**TASK DIRECTIONS**.
Once the line containing "#48=IFCSHAPEREPRESENTATION(#31,'Body','Tessellation',(#47));" is found in the entries below, reproduce it and every line after it, stopping at and including the line containing "#56=IFCINDEXEDPOLYGONALFACE((3,4,8,7));"; reproduce nothing else, and keep each line exact.

:: THE DATA ::

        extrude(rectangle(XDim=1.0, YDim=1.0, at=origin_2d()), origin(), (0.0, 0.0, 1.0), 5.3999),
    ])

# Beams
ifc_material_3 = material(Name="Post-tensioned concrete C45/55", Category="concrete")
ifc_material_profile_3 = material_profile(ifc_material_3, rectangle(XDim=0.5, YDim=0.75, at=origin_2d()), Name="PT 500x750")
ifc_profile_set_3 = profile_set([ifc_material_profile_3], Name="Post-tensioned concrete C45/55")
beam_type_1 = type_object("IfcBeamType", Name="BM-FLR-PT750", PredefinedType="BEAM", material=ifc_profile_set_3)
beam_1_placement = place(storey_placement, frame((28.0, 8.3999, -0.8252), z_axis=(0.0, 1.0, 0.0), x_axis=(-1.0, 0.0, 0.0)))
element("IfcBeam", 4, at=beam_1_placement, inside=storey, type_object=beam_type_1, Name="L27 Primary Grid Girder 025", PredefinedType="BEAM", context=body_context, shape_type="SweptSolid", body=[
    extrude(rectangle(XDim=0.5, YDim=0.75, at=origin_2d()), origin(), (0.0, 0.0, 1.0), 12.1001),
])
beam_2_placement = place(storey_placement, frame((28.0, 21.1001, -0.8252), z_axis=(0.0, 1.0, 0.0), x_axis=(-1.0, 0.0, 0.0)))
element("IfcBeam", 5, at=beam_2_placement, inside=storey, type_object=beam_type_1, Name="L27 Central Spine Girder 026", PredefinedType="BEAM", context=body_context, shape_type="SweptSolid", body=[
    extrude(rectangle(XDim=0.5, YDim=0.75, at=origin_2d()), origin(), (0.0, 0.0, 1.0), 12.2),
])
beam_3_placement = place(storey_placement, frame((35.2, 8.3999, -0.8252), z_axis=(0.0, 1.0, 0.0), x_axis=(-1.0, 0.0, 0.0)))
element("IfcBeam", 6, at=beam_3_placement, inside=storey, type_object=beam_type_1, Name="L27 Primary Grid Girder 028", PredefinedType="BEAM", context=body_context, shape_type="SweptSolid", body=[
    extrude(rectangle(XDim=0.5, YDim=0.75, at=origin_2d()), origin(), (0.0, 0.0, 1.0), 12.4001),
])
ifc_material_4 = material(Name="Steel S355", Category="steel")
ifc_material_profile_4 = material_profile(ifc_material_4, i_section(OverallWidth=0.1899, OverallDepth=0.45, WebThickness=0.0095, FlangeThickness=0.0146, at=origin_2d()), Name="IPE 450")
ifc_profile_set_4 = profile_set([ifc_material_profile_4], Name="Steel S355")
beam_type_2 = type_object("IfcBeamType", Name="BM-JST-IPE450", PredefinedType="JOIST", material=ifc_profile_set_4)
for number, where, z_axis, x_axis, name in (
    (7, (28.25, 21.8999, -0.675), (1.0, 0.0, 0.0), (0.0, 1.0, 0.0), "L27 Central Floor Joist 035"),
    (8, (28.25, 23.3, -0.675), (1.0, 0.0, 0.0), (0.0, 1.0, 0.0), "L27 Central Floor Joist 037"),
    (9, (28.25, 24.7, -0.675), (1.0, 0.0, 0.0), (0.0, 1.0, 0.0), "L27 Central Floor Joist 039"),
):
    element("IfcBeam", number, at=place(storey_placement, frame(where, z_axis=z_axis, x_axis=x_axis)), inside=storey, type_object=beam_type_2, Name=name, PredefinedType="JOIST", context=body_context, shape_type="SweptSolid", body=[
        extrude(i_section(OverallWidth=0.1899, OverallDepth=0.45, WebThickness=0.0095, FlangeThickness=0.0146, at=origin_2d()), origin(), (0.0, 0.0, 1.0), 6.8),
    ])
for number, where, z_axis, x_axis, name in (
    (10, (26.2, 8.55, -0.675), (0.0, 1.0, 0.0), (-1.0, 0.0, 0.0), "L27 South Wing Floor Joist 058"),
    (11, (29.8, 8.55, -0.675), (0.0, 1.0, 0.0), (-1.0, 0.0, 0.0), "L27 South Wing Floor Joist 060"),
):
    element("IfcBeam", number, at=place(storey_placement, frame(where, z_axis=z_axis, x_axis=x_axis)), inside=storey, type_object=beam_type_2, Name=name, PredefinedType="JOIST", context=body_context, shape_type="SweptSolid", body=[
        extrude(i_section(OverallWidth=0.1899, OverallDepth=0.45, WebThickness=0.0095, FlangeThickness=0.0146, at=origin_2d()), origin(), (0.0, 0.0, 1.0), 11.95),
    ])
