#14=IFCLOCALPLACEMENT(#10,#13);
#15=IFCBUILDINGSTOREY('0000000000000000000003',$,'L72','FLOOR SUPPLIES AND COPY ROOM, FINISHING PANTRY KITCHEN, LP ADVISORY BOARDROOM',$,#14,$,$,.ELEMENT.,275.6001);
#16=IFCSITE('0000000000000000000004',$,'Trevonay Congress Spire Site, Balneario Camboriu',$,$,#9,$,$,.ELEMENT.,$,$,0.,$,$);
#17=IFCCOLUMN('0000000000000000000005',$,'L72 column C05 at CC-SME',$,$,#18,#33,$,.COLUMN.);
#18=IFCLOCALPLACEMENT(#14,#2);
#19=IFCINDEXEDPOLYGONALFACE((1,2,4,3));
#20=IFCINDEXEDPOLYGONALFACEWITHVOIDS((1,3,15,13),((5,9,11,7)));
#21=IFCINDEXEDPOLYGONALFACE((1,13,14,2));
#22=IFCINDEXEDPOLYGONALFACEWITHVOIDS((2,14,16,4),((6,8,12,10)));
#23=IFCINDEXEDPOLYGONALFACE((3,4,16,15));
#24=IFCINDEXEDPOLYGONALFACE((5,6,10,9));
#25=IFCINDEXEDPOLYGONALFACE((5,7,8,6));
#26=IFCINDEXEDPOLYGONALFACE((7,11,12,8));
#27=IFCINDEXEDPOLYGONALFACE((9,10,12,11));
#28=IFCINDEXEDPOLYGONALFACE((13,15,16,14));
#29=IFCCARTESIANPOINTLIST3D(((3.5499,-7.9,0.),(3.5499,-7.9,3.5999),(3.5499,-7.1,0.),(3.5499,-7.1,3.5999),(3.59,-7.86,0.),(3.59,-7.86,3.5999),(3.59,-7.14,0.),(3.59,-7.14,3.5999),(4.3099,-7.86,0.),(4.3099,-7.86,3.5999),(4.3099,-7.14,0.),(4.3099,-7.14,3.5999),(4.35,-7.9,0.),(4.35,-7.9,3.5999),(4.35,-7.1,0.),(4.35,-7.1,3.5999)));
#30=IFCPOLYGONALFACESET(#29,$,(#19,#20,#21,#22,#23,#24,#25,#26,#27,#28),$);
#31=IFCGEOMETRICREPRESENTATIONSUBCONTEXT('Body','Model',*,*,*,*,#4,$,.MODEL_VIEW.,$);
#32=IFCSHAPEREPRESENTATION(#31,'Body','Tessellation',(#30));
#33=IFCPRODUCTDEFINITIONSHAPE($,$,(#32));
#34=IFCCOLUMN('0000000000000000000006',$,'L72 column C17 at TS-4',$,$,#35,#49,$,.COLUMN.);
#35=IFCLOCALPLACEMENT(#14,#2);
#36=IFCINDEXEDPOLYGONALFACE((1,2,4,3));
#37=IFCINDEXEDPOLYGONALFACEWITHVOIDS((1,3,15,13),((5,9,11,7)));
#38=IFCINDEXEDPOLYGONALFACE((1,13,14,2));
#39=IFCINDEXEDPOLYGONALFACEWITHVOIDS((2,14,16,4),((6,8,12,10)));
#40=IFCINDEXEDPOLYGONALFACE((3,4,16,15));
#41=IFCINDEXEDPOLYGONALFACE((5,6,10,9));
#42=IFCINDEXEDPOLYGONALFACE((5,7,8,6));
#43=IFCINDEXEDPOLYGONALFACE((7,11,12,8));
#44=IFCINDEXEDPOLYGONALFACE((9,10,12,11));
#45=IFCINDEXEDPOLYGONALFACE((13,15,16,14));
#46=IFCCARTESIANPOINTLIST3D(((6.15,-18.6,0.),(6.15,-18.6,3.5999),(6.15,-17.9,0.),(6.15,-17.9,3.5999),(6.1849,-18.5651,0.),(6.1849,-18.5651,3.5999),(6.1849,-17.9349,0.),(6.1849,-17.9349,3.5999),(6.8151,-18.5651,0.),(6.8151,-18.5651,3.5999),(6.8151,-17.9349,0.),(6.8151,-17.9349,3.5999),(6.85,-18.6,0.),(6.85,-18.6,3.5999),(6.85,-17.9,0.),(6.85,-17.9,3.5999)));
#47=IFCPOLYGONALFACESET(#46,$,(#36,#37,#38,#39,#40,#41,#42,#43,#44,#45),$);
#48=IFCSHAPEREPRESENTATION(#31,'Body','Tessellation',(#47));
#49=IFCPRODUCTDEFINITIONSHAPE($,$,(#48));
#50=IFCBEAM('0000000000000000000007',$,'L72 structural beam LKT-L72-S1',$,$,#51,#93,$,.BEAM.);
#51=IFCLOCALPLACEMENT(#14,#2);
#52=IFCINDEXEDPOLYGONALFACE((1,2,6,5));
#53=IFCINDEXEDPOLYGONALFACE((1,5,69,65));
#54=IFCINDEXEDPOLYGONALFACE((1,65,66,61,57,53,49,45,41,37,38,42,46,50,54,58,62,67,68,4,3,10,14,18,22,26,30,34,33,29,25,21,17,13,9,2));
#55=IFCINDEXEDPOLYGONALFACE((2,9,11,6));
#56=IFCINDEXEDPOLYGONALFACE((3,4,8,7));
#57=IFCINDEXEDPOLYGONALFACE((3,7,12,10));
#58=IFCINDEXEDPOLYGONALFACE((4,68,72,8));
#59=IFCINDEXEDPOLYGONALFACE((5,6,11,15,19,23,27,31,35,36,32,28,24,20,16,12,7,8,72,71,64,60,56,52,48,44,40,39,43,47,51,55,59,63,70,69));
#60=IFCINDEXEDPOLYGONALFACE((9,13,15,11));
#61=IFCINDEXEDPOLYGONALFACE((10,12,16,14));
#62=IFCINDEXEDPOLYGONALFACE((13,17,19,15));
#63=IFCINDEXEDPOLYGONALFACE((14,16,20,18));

:::

**TASK ANSWER**.
#48=IFCSHAPEREPRESENTATION(#31,'Body','Tessellation',(#47));
#49=IFCPRODUCTDEFINITIONSHAPE($,$,(#48));
#50=IFCBEAM('0000000000000000000007',$,'L72 structural beam LKT-L72-S1',$,$,#51,#93,$,.BEAM.);
#51=IFCLOCALPLACEMENT(#14,#2);
#52=IFCINDEXEDPOLYGONALFACE((1,2,6,5));
#53=IFCINDEXEDPOLYGONALFACE((1,5,69,65));
#54=IFCINDEXEDPOLYGONALFACE((1,65,66,61,57,53,49,45,41,37,38,42,46,50,54,58,62,67,68,4,3,10,14,18,22,26,30,34,33,29,25,21,17,13,9,2));
#55=IFCINDEXEDPOLYGONALFACE((2,9,11,6));
#56=IFCINDEXEDPOLYGONALFACE((3,4,8,7));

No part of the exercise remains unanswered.